>>>>>

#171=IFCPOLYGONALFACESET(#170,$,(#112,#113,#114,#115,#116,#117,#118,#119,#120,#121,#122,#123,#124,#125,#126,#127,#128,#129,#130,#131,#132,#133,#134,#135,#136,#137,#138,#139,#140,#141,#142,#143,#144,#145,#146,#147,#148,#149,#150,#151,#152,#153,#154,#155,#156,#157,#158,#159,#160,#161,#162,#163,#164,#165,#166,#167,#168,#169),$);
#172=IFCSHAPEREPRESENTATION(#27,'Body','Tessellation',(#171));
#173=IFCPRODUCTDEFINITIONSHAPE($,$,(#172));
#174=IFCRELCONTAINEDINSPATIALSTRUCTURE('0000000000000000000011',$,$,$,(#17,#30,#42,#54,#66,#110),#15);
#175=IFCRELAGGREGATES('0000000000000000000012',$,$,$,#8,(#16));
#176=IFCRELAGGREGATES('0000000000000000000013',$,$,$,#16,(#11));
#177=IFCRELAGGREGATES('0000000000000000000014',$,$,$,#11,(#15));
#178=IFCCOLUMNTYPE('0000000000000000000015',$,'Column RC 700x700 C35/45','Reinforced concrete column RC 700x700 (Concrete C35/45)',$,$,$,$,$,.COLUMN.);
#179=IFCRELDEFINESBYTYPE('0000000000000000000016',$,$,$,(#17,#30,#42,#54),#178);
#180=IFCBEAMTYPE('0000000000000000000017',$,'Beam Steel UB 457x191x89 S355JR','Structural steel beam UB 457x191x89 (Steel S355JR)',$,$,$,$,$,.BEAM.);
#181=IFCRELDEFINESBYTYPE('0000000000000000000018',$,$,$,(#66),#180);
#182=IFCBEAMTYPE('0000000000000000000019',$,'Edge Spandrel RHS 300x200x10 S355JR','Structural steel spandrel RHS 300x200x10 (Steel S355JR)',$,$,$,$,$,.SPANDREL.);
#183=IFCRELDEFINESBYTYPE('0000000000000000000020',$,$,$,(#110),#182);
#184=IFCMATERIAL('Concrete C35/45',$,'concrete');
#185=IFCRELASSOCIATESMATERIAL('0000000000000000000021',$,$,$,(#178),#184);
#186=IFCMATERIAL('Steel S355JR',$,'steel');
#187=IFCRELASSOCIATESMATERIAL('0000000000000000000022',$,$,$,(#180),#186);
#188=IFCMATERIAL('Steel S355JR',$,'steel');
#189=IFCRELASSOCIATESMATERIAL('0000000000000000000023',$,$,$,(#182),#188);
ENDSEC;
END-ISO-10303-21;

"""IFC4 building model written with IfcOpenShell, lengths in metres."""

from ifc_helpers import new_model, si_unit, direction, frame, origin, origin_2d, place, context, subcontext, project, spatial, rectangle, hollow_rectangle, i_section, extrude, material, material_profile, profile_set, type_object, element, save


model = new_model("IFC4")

<<<<<

_INSTRUCTIONS TO FOLLOW:_ Write the listing out again, word for word.

_SOLUTION FOR THIS TASK:_
#171=IFCPOLYGONALFACESET(#170,$,(#112,#113,#114,#115,#116,#117,#118,#119,#120,#121,#122,#123,#124,#125,#126,#127,#128,#129,#130,#131,#132,#133,#134,#135,#136,#137,#138,#139,#140,#141,#142,#143,#144,#145,#146,#147,#148,#149,#150,#151,#152,#153,#154,#155,#156,#157,#158,#159,#160,#161,#162,#163,#164,#165,#166,#167,#168,#169),$);
#172=IFCSHAPEREPRESENTATION(#27,'Body','Tessellation',(#171));
#173=IFCPRODUCTDEFINITIONSHAPE($,$,(#172));
#174=IFCRELCONTAINEDINSPATIALSTRUCTURE('0000000000000000000011',$,$,$,(#17,#30,#42,#54,#66,#110),#15);
#175=IFCRELAGGREGATES('0000000000000000000012',$,$,$,#8,(#16));
#176=IFCRELAGGREGATES('0000000000000000000013',$,$,$,#16,(#11));
#177=IFCRELAGGREGATES('0000000000000000000014',$,$,$,#11,(#15));
#178=IFCCOLUMNTYPE('0000000000000000000015',$,'Column RC 700x700 C35/45','Reinforced concrete column RC 700x700 (Concrete C35/45)',$,$,$,$,$,.COLUMN.);
#179=IFCRELDEFINESBYTYPE('0000000000000000000016',$,$,$,(#17,#30,#42,#54),#178);
#180=IFCBEAMTYPE('0000000000000000000017',$,'Beam Steel UB 457x191x89 S355JR','Structural steel beam UB 457x191x89 (Steel S355JR)',$,$,$,$,$,.BEAM.);
#181=IFCRELDEFINESBYTYPE('0000000000000000000018',$,$,$,(#66),#180);
#182=IFCBEAMTYPE('0000000000000000000019',$,'Edge Spandrel RHS 300x200x10 S355JR','Structural steel spandrel RHS 300x200x10 (Steel S355JR)',$,$,$,$,$,.SPANDREL.);
#183=IFCRELDEFINESBYTYPE('0000000000000000000020',$,$,$,(#110),#182);
#184=IFCMATERIAL('Concrete C35/45',$,'concrete');
#185=IFCRELASSOCIATESMATERIAL('0000000000000000000021',$,$,$,(#178),#184);
#186=IFCMATERIAL('Steel S355JR',$,'steel');
#187=IFCRELASSOCIATESMATERIAL('0000000000000000000022',$,$,$,(#180),#186);
#188=IFCMATERIAL('Steel S355JR',$,'steel');
#189=IFCRELASSOCIATESMATERIAL('0000000000000000000023',$,$,$,(#182),#188);
ENDSEC;
END-ISO-10303-21;

"""IFC4 building model written with IfcOpenShell, lengths in metres."""

from ifc_helpers import new_model, si_unit, direction, frame, origin, origin_2d, place, context, subcontext, project, spatial, rectangle, hollow_rectangle, i_section, extrude, material, material_profile, profile_set, type_object, element, save


model = new_model("IFC4")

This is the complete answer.